Which lines below fall between the one containing "#121=IFCINDEXEDPOLYGONALFACE((1,9,10,7,8,11,12,4,3,6,5,2));" and the one containing "#127=IFCINDEXEDPOLYGONALFACE((7,8,12,11));"? Repeat them exactly, counting both of those lines, and add nothing else.
----- SOURCE DATA
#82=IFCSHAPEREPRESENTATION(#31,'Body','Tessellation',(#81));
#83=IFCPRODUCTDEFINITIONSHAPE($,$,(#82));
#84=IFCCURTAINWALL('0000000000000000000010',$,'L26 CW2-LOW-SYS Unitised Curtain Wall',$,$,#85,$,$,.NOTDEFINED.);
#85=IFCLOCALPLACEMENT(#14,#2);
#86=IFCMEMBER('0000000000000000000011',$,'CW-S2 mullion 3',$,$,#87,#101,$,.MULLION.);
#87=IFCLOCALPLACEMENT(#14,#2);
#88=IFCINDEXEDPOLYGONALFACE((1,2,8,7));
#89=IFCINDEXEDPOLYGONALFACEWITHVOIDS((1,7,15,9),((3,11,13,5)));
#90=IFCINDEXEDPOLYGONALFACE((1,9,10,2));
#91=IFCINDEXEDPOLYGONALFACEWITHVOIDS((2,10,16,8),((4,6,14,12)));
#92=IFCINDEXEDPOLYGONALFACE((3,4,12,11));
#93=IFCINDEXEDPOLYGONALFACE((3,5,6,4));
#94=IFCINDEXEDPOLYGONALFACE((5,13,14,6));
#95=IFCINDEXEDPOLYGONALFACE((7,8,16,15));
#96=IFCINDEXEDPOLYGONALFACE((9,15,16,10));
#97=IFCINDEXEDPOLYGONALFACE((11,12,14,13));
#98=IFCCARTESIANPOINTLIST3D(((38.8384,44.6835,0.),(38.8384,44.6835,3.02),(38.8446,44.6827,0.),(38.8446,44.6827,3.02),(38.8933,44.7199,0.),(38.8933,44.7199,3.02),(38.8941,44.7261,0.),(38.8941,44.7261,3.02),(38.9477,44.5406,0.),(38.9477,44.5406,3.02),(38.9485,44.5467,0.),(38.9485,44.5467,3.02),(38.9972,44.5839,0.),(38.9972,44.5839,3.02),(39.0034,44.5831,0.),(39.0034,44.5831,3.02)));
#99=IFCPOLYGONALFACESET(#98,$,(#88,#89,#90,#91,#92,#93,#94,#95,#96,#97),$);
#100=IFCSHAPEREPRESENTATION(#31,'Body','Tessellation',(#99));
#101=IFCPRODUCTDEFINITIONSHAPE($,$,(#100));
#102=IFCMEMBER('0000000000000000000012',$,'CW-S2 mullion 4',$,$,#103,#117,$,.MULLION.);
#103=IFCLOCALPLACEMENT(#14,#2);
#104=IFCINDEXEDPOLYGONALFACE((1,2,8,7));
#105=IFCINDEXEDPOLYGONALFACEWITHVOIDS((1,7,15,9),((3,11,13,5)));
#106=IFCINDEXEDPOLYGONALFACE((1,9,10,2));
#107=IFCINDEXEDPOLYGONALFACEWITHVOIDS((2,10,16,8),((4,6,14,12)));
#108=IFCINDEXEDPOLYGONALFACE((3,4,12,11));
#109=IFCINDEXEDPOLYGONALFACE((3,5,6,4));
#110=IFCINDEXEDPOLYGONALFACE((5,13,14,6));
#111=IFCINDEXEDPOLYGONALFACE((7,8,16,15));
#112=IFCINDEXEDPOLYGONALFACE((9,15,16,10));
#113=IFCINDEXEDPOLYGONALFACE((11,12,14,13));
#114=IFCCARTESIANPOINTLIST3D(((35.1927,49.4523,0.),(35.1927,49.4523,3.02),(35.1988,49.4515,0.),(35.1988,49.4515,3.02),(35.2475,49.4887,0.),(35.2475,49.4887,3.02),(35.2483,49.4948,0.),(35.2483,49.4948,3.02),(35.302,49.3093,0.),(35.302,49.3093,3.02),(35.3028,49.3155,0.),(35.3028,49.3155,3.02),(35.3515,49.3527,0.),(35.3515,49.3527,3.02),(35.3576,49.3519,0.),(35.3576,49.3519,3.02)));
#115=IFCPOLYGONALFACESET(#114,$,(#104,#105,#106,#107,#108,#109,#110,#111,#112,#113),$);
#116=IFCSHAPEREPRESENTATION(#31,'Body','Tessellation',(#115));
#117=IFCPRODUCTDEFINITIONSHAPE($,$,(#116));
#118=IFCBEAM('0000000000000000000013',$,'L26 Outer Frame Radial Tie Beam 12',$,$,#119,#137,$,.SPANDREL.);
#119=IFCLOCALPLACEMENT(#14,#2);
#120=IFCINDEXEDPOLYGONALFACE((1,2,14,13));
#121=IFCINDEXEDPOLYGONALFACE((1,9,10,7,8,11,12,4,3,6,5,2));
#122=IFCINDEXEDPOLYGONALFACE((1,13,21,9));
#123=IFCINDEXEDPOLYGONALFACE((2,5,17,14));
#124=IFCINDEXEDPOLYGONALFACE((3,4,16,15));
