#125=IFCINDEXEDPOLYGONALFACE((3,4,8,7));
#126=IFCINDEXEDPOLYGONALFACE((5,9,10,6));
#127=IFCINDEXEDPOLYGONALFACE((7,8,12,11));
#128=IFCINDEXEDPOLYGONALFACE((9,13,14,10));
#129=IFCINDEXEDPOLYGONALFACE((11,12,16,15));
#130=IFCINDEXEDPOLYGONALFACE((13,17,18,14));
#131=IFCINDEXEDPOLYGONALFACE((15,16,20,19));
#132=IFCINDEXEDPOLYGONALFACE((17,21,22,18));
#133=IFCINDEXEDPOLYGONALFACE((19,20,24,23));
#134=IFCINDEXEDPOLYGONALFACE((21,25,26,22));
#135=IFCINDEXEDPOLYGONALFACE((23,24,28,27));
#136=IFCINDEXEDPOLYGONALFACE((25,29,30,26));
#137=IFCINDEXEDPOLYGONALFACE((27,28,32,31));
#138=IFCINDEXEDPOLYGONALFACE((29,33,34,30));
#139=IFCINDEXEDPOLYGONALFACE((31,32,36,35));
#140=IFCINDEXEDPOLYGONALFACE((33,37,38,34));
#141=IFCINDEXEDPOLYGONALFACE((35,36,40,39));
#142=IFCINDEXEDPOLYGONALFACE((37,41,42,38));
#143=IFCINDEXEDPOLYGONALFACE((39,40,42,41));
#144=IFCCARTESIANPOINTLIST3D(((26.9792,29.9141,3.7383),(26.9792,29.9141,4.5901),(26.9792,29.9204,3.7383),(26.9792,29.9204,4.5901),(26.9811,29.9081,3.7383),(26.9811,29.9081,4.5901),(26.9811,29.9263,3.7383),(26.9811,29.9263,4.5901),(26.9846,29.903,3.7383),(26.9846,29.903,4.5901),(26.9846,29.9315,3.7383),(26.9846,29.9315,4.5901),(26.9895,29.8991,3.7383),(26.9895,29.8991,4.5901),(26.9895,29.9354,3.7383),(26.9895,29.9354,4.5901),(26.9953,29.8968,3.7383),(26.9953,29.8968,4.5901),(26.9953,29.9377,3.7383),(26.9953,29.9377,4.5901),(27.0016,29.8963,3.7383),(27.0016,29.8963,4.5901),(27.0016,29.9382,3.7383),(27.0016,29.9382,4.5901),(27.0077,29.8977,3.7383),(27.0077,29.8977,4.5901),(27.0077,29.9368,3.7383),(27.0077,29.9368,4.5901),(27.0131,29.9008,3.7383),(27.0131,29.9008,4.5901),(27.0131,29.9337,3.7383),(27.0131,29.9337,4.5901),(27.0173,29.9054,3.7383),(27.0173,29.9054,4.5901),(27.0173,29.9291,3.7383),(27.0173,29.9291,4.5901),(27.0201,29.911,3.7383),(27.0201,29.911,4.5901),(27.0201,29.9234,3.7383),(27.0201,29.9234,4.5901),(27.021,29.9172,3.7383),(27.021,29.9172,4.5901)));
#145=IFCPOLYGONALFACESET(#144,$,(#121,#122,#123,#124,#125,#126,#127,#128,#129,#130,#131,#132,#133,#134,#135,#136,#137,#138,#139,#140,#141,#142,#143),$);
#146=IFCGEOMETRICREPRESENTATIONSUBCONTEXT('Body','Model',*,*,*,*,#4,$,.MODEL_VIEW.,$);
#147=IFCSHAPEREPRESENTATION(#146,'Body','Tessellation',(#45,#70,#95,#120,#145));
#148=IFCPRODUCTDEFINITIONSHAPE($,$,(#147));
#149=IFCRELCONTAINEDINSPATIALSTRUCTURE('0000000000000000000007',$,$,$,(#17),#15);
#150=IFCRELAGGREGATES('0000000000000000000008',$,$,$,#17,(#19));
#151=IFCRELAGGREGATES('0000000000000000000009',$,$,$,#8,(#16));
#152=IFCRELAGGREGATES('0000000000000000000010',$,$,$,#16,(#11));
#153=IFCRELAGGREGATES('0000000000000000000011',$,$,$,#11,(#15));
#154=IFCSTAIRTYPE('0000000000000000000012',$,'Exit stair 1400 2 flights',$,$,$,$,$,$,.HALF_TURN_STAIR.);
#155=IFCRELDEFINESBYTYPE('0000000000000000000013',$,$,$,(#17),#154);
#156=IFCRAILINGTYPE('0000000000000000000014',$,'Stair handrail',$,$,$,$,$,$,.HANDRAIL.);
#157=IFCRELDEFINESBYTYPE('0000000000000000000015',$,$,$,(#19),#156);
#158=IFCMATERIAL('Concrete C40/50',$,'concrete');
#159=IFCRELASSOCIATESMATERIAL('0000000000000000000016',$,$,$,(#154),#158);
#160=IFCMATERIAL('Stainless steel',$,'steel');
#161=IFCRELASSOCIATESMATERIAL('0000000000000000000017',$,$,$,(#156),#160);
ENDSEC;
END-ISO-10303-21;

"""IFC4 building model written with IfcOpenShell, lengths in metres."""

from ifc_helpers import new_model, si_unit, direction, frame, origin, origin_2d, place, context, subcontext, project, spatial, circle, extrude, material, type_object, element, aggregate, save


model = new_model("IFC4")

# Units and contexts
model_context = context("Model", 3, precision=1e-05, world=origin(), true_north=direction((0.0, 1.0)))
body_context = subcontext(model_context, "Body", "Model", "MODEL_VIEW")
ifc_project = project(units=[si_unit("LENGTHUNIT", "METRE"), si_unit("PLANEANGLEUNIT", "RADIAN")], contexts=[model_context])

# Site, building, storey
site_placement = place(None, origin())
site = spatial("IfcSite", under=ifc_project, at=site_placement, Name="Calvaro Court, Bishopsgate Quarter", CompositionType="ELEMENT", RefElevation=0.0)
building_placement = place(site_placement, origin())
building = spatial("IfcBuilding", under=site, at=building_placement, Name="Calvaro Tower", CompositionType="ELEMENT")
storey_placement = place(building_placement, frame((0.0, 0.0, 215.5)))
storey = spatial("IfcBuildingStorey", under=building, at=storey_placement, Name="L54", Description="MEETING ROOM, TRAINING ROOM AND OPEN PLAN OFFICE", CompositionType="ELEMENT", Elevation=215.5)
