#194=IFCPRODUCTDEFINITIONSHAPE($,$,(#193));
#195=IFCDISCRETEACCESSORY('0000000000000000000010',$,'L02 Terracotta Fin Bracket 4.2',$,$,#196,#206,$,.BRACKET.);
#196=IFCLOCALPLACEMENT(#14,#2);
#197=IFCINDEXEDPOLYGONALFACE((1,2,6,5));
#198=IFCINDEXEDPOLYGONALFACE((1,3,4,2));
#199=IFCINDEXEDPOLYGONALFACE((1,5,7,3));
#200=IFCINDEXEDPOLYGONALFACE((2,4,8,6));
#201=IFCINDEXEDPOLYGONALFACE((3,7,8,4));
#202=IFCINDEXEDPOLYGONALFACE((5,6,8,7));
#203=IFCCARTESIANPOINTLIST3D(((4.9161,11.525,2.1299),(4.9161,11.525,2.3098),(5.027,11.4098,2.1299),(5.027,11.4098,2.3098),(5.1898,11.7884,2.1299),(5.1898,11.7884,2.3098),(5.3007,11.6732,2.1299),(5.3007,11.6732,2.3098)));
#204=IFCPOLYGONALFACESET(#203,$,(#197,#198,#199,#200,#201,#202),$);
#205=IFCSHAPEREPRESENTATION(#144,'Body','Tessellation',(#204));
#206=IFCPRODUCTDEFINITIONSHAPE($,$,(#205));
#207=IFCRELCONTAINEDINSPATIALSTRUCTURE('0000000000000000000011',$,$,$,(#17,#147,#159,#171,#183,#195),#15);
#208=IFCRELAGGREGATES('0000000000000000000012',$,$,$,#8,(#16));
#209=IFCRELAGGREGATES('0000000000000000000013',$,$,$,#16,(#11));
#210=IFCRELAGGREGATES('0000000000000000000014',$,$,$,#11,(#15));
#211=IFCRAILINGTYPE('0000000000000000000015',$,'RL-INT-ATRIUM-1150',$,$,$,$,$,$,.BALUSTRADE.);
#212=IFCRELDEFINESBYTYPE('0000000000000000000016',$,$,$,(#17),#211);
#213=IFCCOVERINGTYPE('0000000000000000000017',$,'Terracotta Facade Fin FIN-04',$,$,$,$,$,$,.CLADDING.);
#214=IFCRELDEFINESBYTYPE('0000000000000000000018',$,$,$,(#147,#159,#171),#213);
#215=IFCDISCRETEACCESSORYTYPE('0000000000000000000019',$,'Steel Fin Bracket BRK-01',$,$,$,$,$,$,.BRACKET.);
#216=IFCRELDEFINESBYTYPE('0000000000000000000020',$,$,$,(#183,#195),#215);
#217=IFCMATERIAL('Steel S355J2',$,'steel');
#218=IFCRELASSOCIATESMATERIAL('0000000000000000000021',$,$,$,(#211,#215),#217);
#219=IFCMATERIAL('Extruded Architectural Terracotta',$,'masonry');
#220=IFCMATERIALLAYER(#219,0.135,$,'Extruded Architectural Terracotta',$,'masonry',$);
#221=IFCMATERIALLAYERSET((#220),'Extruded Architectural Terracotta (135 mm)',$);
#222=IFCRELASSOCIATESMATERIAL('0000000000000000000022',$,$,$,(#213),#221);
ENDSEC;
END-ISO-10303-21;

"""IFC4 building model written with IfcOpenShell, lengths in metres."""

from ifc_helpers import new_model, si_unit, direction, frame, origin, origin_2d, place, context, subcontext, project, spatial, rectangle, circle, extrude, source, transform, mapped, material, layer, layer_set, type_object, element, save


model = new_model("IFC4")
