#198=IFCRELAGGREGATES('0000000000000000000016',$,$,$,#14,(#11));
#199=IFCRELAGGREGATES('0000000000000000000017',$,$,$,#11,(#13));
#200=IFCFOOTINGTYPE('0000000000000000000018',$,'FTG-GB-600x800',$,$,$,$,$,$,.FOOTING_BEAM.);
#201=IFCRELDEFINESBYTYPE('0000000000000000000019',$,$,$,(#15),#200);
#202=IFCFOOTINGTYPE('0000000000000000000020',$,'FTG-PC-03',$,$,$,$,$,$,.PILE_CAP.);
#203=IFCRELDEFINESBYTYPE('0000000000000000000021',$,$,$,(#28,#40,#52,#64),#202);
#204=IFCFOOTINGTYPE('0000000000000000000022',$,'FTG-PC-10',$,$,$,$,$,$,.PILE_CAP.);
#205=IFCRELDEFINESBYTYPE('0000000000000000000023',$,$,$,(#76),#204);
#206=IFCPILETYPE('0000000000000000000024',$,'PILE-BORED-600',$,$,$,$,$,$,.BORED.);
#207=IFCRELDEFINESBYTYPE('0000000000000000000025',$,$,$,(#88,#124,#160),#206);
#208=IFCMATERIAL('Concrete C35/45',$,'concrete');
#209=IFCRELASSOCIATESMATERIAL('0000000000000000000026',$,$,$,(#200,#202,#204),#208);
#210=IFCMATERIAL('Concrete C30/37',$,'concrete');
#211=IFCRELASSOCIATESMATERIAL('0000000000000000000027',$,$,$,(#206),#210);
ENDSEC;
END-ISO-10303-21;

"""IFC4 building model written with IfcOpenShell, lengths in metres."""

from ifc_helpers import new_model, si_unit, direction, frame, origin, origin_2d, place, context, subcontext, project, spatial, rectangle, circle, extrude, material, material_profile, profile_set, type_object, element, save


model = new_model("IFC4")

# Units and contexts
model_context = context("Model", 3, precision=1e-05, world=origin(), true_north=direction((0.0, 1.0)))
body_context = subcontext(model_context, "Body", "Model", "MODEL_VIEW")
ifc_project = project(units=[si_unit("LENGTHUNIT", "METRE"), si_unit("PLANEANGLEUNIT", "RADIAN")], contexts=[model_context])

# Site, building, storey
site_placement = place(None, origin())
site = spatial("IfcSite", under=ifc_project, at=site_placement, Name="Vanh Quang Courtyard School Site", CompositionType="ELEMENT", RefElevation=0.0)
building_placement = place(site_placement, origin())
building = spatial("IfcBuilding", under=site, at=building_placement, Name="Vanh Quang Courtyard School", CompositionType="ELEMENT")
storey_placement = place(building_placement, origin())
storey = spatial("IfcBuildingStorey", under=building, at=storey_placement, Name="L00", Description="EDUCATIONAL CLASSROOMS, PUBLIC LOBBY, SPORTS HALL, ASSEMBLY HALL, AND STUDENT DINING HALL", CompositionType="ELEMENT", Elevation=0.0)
----------
__FINISHED TASK__:
#121=IFCINDEXEDPOLYGONALFACE((1,9,10,7,8,11,12,4,3,6,5,2));
#122=IFCINDEXEDPOLYGONALFACE((1,13,21,9));
#123=IFCINDEXEDPOLYGONALFACE((2,5,17,14));
#124=IFCINDEXEDPOLYGONALFACE((3,4,16,15));
#125=IFCINDEXEDPOLYGONALFACE((3,4,8,7));
#126=IFCINDEXEDPOLYGONALFACE((5,9,10,6));
#127=IFCINDEXEDPOLYGONALFACE((7,8,12,11));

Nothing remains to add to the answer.